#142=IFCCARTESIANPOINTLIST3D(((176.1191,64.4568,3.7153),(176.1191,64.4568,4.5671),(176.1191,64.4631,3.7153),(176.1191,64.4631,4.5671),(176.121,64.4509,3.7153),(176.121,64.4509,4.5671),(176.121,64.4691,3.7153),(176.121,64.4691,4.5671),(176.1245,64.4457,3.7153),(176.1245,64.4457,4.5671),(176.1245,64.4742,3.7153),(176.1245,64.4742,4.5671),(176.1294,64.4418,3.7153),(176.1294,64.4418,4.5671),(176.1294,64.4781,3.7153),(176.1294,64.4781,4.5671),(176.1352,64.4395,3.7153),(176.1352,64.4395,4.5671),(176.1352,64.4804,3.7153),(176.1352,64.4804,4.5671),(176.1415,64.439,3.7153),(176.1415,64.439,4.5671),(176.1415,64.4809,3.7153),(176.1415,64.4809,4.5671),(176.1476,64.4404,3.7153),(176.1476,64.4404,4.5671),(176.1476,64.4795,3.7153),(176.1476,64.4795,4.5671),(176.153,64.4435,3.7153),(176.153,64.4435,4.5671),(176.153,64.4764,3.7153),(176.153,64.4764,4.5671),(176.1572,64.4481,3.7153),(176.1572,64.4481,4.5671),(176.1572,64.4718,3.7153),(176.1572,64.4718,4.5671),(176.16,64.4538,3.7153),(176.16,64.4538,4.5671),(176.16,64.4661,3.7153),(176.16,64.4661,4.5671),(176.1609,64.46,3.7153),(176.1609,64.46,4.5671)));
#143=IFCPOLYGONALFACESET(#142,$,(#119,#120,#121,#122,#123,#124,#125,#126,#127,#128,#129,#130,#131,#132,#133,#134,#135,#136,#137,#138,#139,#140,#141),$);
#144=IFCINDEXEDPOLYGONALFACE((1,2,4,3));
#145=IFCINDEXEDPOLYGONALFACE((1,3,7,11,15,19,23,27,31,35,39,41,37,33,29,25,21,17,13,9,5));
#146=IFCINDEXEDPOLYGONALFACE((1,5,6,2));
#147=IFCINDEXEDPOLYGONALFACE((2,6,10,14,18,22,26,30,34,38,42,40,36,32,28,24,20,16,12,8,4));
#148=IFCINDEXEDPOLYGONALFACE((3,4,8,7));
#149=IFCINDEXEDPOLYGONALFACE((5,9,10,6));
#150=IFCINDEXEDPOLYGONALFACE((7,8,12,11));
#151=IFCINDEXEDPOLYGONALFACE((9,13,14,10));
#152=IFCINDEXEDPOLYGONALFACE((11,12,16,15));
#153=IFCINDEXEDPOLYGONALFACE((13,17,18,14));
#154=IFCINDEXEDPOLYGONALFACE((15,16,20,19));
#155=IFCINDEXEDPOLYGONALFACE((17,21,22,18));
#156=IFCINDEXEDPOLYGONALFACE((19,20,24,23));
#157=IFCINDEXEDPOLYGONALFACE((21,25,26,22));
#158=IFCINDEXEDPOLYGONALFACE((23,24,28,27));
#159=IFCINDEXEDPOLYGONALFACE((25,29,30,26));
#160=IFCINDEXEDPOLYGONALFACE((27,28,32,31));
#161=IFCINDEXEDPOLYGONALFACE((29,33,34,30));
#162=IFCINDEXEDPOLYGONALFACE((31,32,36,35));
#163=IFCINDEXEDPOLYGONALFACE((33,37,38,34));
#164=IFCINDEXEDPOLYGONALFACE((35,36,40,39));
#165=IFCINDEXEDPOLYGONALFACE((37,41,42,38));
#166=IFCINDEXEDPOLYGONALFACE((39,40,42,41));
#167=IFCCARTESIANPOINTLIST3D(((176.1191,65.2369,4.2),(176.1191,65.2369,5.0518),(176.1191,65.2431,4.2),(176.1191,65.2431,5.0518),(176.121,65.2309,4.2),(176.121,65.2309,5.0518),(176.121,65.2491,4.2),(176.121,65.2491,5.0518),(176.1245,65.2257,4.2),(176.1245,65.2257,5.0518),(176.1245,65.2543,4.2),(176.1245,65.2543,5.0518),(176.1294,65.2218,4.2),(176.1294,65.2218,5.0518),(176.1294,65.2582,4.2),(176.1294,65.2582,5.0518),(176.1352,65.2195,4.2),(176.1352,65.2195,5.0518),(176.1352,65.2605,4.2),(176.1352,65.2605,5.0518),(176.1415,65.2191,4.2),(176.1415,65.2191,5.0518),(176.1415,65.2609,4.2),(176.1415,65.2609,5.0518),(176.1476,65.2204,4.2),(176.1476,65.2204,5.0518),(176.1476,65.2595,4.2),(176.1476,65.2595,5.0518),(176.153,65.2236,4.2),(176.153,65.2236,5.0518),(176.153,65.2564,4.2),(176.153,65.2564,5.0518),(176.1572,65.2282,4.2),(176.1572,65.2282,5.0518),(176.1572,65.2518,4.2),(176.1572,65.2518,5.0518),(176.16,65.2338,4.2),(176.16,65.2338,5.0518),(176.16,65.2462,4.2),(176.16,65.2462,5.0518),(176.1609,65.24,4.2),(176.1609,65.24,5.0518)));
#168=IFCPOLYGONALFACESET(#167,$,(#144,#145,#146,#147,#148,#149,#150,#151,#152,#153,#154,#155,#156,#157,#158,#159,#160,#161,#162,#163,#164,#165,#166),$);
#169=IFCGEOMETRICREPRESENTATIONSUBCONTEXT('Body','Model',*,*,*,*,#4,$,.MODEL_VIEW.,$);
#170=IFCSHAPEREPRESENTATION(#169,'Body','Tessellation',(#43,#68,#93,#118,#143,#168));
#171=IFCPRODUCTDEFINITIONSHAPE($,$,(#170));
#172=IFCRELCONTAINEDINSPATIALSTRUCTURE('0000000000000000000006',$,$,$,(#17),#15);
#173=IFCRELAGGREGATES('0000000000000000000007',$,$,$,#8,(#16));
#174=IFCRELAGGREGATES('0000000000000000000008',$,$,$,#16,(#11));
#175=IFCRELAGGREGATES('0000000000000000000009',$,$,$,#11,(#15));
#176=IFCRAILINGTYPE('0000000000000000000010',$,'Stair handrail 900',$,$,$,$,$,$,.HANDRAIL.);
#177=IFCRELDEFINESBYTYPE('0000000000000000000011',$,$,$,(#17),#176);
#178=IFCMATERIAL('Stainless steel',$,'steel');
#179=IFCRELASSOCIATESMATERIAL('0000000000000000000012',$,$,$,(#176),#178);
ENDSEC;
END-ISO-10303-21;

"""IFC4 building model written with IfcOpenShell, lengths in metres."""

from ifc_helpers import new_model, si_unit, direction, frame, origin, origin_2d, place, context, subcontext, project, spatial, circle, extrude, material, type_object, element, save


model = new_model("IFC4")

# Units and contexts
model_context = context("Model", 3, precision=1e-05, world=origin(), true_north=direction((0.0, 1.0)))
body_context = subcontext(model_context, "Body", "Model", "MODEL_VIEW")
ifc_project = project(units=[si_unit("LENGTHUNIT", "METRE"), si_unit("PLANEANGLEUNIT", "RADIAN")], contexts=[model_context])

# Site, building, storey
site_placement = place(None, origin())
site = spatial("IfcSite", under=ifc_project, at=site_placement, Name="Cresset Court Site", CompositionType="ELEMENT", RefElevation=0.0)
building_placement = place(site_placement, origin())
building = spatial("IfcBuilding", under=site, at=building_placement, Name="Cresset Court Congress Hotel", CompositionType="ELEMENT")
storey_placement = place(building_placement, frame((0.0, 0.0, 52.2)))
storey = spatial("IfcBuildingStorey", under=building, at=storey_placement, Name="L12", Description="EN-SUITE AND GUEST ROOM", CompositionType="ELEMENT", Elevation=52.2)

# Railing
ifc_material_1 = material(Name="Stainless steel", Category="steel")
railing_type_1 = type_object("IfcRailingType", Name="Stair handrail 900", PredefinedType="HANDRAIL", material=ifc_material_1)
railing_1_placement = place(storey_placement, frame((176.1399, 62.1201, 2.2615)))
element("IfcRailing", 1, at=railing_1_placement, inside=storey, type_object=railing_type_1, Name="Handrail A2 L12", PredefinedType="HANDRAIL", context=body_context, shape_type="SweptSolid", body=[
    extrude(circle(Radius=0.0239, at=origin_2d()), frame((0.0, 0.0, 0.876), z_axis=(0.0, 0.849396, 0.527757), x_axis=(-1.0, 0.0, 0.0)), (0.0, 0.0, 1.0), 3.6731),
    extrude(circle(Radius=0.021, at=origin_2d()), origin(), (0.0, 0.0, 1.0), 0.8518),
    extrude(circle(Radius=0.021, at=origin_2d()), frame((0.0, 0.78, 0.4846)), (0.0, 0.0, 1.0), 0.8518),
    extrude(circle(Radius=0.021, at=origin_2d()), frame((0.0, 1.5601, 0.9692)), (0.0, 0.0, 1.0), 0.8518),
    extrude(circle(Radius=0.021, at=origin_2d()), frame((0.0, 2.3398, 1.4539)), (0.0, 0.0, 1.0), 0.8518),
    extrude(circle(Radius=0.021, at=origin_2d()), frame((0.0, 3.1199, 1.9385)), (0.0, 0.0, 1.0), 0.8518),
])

Exercise prompt:
In the records above, how many lines contain the string "IFCRELAGGREGATES"? State that number only.

Response to the task:
3